Goal of the exercise: Exactly as given, restate each record that follows.

The data:

%%

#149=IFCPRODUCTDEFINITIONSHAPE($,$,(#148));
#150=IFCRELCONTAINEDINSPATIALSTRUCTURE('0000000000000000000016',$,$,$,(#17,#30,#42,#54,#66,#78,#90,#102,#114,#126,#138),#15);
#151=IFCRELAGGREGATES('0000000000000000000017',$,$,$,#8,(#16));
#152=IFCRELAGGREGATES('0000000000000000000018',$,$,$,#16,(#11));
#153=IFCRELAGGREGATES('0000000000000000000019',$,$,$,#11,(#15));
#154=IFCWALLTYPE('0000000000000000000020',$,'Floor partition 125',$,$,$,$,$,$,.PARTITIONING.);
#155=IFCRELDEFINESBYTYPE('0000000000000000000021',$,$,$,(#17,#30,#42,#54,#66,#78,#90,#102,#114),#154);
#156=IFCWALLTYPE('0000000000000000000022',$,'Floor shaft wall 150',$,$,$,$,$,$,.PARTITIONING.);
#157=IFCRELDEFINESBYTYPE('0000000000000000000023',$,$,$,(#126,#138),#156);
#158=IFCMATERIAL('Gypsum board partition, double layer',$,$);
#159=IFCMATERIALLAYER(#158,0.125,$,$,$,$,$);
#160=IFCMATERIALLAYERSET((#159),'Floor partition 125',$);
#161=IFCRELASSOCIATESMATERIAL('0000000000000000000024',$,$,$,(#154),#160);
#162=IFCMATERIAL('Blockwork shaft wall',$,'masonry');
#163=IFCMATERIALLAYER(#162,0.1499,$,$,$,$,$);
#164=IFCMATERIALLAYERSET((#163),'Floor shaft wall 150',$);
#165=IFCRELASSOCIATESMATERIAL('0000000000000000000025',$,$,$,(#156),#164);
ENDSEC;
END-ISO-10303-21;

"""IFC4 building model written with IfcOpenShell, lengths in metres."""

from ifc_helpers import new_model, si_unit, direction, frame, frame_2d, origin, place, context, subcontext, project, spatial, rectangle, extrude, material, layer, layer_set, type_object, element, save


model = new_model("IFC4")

%%

Answer to the exercise:
#149=IFCPRODUCTDEFINITIONSHAPE($,$,(#148));
#150=IFCRELCONTAINEDINSPATIALSTRUCTURE('0000000000000000000016',$,$,$,(#17,#30,#42,#54,#66,#78,#90,#102,#114,#126,#138),#15);
#151=IFCRELAGGREGATES('0000000000000000000017',$,$,$,#8,(#16));
#152=IFCRELAGGREGATES('0000000000000000000018',$,$,$,#16,(#11));
#153=IFCRELAGGREGATES('0000000000000000000019',$,$,$,#11,(#15));
#154=IFCWALLTYPE('0000000000000000000020',$,'Floor partition 125',$,$,$,$,$,$,.PARTITIONING.);
#155=IFCRELDEFINESBYTYPE('0000000000000000000021',$,$,$,(#17,#30,#42,#54,#66,#78,#90,#102,#114),#154);
#156=IFCWALLTYPE('0000000000000000000022',$,'Floor shaft wall 150',$,$,$,$,$,$,.PARTITIONING.);
#157=IFCRELDEFINESBYTYPE('0000000000000000000023',$,$,$,(#126,#138),#156);
#158=IFCMATERIAL('Gypsum board partition, double layer',$,$);
#159=IFCMATERIALLAYER(#158,0.125,$,$,$,$,$);
#160=IFCMATERIALLAYERSET((#159),'Floor partition 125',$);
#161=IFCRELASSOCIATESMATERIAL('0000000000000000000024',$,$,$,(#154),#160);
#162=IFCMATERIAL('Blockwork shaft wall',$,'masonry');
#163=IFCMATERIALLAYER(#162,0.1499,$,$,$,$,$);
#164=IFCMATERIALLAYERSET((#163),'Floor shaft wall 150',$);
#165=IFCRELASSOCIATESMATERIAL('0000000000000000000025',$,$,$,(#156),#164);
ENDSEC;
END-ISO-10303-21;

"""IFC4 building model written with IfcOpenShell, lengths in metres."""

from ifc_helpers import new_model, si_unit, direction, frame, frame_2d, origin, place, context, subcontext, project, spatial, rectangle, extrude, material, layer, layer_set, type_object, element, save


model = new_model("IFC4")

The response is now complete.